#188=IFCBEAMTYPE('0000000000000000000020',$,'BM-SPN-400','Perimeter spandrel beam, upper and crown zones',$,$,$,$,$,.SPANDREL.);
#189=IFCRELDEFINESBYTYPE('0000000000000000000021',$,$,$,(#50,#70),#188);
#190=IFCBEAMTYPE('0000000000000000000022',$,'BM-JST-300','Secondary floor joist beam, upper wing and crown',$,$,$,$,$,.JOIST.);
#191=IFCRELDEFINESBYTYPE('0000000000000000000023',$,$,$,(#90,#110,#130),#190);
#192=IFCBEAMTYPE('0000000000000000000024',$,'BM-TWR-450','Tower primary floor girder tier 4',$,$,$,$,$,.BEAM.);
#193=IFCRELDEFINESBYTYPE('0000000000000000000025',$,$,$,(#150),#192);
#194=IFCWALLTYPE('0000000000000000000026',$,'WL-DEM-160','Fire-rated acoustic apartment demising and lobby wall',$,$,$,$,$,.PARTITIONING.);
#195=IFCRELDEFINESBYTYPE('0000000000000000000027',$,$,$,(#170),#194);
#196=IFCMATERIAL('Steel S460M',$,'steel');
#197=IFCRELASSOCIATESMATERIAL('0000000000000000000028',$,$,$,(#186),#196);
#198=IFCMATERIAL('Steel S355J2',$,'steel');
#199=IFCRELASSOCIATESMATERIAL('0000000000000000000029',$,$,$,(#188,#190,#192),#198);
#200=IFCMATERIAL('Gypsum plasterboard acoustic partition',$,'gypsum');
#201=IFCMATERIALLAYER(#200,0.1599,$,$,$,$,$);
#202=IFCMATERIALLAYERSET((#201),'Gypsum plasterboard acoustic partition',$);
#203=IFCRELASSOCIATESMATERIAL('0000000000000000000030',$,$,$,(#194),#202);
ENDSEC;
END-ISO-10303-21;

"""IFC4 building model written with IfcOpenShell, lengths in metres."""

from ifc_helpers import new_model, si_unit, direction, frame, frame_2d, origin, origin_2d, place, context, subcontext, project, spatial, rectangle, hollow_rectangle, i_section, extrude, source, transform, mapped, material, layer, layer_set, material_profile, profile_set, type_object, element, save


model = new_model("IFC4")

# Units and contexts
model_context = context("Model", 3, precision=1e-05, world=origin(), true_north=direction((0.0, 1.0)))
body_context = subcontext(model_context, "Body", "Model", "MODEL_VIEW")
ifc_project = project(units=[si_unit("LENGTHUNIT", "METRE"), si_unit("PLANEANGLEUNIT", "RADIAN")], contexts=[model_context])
__________________________________________________
### Task
The lines to return run from the one containing "# Units and contexts" through the last line of the material above. Please reproduce them exactly.

### Task result
# Units and contexts
model_context = context("Model", 3, precision=1e-05, world=origin(), true_north=direction((0.0, 1.0)))
body_context = subcontext(model_context, "Body", "Model", "MODEL_VIEW")
ifc_project = project(units=[si_unit("LENGTHUNIT", "METRE"), si_unit("PLANEANGLEUNIT", "RADIAN")], contexts=[model_context])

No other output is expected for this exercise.